#### Data for analysis
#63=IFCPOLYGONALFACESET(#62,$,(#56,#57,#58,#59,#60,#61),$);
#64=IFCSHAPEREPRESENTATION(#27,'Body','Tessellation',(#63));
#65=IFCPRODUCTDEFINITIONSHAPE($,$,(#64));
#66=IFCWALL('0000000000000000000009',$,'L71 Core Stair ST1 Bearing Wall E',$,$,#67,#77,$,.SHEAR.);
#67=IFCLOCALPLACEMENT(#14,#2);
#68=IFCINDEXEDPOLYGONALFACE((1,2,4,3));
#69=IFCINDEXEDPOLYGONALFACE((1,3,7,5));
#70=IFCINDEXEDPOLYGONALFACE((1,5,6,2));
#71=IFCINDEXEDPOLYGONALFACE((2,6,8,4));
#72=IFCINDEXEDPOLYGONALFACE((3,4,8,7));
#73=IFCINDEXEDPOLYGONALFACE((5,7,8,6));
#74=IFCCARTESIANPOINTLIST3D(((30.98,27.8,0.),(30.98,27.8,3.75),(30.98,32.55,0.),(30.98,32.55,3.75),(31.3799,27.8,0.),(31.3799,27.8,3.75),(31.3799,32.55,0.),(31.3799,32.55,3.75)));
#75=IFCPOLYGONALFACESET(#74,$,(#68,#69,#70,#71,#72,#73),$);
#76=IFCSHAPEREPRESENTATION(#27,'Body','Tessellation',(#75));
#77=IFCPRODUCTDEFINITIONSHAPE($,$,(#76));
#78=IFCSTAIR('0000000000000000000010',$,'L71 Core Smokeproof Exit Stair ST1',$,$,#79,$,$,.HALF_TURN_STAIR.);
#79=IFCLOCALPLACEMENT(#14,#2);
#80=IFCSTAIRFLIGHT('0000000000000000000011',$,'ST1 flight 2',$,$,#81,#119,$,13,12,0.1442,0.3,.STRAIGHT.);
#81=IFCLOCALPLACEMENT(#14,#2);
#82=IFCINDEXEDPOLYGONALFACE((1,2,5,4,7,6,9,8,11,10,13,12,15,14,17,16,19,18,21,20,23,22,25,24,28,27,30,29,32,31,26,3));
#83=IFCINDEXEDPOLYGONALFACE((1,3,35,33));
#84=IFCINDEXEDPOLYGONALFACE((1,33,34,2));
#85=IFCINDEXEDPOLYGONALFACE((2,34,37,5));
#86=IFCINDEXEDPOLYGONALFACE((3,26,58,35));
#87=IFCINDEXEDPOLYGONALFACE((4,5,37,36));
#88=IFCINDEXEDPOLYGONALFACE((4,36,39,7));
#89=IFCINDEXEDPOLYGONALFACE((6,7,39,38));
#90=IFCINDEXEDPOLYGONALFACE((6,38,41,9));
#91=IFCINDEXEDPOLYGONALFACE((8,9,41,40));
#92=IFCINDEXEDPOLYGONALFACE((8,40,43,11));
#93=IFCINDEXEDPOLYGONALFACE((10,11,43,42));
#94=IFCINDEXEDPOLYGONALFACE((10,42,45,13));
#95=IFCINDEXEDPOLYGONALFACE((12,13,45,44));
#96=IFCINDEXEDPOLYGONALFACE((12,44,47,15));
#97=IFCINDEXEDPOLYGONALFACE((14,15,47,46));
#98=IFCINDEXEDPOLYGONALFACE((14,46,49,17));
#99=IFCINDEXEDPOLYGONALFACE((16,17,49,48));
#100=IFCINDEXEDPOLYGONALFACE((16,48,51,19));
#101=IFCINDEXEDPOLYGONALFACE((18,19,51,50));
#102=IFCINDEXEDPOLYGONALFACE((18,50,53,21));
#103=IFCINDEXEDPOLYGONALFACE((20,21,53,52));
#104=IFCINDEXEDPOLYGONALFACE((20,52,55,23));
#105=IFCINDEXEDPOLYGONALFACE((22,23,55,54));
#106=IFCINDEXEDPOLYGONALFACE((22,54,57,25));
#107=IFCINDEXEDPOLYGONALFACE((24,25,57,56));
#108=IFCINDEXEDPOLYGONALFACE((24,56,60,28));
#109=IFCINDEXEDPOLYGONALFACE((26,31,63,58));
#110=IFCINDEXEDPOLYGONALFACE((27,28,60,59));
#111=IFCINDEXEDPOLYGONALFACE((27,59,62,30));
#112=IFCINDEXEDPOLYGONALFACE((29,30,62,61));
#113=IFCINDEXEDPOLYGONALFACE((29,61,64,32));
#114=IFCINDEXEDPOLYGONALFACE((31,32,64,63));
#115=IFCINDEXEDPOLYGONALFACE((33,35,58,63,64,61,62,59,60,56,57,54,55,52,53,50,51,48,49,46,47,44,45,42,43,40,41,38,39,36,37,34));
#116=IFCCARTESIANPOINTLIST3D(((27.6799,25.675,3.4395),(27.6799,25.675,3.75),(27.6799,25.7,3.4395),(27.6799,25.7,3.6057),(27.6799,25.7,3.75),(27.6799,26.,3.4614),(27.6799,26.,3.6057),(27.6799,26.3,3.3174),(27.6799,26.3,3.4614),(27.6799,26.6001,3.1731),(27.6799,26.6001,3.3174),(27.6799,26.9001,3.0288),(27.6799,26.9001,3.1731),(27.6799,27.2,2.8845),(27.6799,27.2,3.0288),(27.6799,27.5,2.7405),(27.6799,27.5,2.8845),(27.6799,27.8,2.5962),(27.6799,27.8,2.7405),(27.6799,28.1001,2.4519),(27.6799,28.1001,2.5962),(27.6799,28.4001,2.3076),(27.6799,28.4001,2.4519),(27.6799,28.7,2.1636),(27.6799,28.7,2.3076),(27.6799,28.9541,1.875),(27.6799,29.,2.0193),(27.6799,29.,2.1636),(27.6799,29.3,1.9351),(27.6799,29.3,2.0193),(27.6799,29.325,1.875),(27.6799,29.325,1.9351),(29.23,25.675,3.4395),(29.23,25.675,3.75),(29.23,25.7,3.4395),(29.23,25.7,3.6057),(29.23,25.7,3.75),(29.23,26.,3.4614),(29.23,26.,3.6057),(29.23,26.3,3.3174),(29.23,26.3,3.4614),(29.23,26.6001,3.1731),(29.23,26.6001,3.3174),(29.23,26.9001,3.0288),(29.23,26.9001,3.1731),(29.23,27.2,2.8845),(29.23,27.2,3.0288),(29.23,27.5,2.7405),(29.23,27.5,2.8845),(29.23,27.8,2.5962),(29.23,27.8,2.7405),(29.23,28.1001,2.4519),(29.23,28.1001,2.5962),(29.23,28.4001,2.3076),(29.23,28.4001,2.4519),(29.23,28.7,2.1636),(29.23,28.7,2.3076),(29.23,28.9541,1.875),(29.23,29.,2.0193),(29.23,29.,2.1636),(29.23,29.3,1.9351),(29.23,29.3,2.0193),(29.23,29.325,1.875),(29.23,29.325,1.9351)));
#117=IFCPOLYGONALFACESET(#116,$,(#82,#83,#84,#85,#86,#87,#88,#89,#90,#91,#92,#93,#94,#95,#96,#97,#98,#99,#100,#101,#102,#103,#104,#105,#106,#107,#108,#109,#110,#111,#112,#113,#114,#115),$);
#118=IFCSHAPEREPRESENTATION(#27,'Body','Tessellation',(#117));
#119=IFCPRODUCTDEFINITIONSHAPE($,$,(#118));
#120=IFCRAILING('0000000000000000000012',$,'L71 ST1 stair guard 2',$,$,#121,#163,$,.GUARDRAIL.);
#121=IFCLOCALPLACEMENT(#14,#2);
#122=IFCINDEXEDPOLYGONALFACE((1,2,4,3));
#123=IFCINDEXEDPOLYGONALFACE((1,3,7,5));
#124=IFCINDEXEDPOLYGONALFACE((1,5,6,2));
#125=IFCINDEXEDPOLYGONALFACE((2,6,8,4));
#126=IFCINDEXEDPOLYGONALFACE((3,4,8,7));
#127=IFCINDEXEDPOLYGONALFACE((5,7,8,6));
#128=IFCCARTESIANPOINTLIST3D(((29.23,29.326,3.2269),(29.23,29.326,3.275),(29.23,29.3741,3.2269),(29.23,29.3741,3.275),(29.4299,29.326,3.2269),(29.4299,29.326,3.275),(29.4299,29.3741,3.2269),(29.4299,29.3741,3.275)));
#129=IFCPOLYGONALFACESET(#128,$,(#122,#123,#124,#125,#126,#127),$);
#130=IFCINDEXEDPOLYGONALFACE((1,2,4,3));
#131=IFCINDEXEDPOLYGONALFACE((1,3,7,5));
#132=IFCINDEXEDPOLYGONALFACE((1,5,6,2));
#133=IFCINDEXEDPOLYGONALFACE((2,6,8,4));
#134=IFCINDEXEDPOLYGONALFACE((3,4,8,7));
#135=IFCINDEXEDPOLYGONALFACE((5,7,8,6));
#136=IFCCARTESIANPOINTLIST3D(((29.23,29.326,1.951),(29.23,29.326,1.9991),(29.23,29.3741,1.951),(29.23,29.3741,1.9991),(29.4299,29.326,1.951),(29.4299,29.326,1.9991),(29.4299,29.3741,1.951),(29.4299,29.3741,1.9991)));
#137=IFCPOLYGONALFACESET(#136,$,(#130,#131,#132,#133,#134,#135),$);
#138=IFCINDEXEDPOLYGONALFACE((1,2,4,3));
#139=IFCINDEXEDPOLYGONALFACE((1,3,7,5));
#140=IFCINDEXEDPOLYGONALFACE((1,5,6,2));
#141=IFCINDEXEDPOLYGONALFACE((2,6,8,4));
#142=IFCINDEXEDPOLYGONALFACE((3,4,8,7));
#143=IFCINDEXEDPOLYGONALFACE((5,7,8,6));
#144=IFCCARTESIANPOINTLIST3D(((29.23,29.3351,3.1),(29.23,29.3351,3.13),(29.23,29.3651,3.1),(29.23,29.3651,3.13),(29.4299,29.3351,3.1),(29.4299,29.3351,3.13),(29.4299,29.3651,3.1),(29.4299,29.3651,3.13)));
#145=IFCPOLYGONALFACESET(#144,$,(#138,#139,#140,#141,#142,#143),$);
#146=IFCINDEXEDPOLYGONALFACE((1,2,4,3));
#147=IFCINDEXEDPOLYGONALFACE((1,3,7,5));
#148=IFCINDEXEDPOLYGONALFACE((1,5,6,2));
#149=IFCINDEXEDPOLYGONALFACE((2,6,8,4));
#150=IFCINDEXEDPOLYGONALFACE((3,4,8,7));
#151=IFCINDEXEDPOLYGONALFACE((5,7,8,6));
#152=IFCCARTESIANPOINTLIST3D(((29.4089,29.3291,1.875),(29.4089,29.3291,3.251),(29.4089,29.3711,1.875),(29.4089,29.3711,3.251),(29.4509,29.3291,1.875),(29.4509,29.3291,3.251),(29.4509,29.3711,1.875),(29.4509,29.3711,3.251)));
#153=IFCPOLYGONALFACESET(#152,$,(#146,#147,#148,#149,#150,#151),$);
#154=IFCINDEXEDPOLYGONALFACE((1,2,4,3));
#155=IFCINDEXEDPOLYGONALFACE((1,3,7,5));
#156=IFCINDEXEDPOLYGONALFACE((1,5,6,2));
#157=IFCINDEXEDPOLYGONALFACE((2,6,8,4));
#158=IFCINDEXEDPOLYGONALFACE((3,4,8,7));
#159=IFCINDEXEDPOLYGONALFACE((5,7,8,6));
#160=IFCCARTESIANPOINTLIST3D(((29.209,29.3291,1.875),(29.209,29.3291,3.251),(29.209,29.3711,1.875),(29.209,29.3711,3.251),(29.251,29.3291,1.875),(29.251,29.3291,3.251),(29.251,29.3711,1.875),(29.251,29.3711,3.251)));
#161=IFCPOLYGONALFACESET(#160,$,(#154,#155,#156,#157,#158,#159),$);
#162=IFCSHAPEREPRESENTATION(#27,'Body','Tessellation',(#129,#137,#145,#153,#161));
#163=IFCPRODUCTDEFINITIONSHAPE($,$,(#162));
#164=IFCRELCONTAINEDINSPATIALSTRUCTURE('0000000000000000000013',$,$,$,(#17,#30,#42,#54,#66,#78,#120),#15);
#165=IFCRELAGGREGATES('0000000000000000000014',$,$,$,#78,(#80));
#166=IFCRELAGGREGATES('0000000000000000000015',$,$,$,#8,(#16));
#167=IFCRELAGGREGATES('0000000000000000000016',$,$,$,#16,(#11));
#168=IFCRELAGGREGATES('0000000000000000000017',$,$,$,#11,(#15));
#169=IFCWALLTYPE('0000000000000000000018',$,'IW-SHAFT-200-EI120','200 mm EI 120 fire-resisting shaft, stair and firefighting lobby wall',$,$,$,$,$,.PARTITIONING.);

#### What the task asks
Scan the entries above for the line containing "#157=IFCINDEXEDPOLYGONALFACE((2,6,8,4));", and copy it and all lines after it exactly, down to and including the line containing "#163=IFCPRODUCTDEFINITIONSHAPE($,$,(#162));".

#### Solution to the exercise
#157=IFCINDEXEDPOLYGONALFACE((2,6,8,4));
#158=IFCINDEXEDPOLYGONALFACE((3,4,8,7));
#159=IFCINDEXEDPOLYGONALFACE((5,7,8,6));
#160=IFCCARTESIANPOINTLIST3D(((29.209,29.3291,1.875),(29.209,29.3291,3.251),(29.209,29.3711,1.875),(29.209,29.3711,3.251),(29.251,29.3291,1.875),(29.251,29.3291,3.251),(29.251,29.3711,1.875),(29.251,29.3711,3.251)));
#161=IFCPOLYGONALFACESET(#160,$,(#154,#155,#156,#157,#158,#159),$);
#162=IFCSHAPEREPRESENTATION(#27,'Body','Tessellation',(#129,#137,#145,#153,#161));
#163=IFCPRODUCTDEFINITIONSHAPE($,$,(#162));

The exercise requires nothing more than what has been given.